## Directions for this task
Using the records below, quote only the span that opens with the line containing "#203=IFCMATERIALLAYER(#202,0.2881,$,$,$,$,$);" and closes with the line containing "#207=IFCMATERIALLAYERSET((#206),'Concrete C35/45',$);", exactly and inclusively.

Stored data:
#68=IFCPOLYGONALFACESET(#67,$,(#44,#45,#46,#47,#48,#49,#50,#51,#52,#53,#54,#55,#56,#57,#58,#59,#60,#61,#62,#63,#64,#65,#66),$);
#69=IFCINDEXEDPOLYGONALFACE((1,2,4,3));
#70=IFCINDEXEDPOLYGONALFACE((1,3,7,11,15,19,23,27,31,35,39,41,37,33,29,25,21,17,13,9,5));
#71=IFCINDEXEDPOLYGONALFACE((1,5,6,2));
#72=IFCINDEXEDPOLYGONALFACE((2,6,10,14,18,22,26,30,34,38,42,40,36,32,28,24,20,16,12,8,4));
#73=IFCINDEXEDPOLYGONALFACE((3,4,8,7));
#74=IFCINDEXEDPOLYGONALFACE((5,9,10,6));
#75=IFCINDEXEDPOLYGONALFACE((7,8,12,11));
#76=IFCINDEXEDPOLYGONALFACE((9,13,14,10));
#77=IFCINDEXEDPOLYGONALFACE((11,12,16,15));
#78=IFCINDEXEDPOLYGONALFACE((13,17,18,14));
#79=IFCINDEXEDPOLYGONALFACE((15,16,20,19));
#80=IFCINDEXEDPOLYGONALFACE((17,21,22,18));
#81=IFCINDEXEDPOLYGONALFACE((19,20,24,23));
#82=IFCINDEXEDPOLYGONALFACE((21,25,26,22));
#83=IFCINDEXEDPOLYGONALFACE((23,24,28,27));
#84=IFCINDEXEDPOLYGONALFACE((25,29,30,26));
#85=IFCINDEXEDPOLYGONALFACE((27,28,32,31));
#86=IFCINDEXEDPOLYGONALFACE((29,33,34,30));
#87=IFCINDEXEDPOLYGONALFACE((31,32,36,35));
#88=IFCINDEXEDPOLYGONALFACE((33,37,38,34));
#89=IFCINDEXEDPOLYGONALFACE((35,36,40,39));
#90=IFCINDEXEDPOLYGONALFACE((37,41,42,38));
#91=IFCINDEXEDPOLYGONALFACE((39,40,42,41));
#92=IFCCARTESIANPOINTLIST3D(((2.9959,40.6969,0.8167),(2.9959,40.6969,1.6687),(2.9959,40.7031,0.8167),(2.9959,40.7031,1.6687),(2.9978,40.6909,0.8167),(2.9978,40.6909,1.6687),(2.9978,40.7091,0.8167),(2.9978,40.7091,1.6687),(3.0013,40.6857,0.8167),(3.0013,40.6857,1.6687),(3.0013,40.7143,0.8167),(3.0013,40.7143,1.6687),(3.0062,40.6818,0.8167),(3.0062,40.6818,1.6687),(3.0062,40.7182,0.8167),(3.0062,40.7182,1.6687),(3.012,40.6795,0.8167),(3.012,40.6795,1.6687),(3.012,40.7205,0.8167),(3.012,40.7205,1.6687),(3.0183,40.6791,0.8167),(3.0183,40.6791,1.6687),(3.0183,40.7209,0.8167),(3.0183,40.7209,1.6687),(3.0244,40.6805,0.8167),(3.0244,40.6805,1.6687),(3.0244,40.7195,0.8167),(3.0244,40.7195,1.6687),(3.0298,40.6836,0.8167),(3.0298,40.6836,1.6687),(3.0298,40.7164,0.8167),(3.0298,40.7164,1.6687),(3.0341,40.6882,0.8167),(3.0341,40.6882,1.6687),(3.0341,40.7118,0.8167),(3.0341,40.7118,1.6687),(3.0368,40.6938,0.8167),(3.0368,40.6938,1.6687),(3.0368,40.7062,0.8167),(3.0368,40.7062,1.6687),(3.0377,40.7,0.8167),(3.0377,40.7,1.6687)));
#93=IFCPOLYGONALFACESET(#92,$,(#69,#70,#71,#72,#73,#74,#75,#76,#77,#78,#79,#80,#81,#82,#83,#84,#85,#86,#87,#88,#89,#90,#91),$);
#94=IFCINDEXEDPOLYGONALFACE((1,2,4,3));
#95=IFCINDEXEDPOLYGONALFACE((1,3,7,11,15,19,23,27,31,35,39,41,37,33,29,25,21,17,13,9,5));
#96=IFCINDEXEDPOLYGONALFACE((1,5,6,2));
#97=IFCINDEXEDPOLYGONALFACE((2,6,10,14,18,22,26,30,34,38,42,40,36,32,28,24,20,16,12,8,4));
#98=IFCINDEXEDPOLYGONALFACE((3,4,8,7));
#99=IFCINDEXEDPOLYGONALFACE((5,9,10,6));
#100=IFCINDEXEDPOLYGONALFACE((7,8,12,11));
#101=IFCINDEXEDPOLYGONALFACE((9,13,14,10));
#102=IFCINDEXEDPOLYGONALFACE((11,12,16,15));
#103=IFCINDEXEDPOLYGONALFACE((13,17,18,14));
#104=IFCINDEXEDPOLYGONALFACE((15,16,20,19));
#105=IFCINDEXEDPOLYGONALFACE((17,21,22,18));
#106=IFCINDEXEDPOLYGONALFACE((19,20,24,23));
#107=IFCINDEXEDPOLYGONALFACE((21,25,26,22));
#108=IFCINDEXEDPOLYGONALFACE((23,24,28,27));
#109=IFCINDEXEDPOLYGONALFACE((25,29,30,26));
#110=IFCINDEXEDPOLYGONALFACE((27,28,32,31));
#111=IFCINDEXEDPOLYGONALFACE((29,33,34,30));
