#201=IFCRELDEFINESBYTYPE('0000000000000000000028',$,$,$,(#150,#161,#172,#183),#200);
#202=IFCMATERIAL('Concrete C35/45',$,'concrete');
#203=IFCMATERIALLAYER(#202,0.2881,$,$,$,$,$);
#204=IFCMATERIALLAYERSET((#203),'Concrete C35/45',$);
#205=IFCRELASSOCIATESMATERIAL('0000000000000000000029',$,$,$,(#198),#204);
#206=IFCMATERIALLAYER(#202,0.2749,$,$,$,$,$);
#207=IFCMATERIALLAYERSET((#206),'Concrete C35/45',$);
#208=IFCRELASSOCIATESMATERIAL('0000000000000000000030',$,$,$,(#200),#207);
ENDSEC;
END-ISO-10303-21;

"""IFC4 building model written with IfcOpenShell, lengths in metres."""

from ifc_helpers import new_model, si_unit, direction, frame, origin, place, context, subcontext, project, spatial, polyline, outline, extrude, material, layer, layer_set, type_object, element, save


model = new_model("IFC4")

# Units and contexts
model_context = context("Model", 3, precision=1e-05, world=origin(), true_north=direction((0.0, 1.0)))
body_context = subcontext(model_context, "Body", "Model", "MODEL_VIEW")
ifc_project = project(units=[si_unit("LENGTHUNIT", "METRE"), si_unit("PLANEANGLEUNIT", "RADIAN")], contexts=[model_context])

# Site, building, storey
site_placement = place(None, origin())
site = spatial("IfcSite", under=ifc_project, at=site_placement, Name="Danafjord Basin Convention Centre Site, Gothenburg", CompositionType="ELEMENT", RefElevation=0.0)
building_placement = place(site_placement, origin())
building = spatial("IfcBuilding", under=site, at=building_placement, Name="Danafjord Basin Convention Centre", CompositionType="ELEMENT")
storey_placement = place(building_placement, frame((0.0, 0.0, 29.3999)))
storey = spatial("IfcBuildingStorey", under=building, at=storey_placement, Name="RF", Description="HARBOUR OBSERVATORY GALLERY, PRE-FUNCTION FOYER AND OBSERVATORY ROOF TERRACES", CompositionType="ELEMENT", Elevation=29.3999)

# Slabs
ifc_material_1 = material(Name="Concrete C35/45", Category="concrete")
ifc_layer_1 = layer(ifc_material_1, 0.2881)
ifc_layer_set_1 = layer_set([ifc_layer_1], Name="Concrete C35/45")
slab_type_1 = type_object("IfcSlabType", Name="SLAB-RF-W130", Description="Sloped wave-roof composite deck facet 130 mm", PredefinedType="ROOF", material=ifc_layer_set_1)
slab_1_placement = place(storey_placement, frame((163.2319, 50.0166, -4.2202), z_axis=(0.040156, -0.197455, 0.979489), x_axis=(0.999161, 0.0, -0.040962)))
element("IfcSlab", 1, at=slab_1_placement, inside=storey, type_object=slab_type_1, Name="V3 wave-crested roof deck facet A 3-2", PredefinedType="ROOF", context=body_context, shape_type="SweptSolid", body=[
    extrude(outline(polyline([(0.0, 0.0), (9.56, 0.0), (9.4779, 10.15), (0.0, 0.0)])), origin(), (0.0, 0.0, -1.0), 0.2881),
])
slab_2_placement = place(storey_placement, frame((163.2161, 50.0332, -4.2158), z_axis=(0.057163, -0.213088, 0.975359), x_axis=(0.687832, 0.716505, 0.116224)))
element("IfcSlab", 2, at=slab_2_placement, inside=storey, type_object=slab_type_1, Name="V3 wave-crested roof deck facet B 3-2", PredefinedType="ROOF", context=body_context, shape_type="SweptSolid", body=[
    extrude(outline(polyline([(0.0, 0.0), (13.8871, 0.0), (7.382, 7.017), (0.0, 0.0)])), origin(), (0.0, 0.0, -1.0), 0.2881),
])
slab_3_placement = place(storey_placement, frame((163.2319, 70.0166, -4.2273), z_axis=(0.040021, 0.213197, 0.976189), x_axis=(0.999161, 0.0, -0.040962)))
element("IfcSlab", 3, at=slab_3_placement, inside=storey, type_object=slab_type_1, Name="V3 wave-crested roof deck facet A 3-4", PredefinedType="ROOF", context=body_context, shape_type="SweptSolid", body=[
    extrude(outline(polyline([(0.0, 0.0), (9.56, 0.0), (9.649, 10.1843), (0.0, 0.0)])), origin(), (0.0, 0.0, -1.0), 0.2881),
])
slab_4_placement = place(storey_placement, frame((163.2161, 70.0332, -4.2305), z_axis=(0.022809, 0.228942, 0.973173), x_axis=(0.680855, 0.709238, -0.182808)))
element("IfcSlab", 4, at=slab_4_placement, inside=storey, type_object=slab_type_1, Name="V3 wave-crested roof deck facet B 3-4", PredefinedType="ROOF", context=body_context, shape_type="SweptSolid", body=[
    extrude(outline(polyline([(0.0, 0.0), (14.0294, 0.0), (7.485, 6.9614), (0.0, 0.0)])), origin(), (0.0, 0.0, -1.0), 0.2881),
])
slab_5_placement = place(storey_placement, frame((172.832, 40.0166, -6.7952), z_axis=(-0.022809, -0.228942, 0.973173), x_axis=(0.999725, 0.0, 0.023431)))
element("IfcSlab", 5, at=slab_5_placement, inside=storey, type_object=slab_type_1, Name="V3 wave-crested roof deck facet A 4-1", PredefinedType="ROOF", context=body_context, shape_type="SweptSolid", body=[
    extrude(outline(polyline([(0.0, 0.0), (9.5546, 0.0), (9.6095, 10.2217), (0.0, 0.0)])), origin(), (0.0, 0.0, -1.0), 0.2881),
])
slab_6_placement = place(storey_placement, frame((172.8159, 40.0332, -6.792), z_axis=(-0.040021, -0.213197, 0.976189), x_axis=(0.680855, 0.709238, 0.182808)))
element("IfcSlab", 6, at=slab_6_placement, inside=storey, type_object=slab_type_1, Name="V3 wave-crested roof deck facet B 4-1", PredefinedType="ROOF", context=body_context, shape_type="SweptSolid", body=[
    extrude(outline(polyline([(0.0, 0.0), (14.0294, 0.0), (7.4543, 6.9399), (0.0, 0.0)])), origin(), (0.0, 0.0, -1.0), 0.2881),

## Solution for this problem
#203=IFCMATERIALLAYER(#202,0.2881,$,$,$,$,$);
#204=IFCMATERIALLAYERSET((#203),'Concrete C35/45',$);
#205=IFCRELASSOCIATESMATERIAL('0000000000000000000029',$,$,$,(#198),#204);
#206=IFCMATERIALLAYER(#202,0.2749,$,$,$,$,$);
#207=IFCMATERIALLAYERSET((#206),'Concrete C35/45',$);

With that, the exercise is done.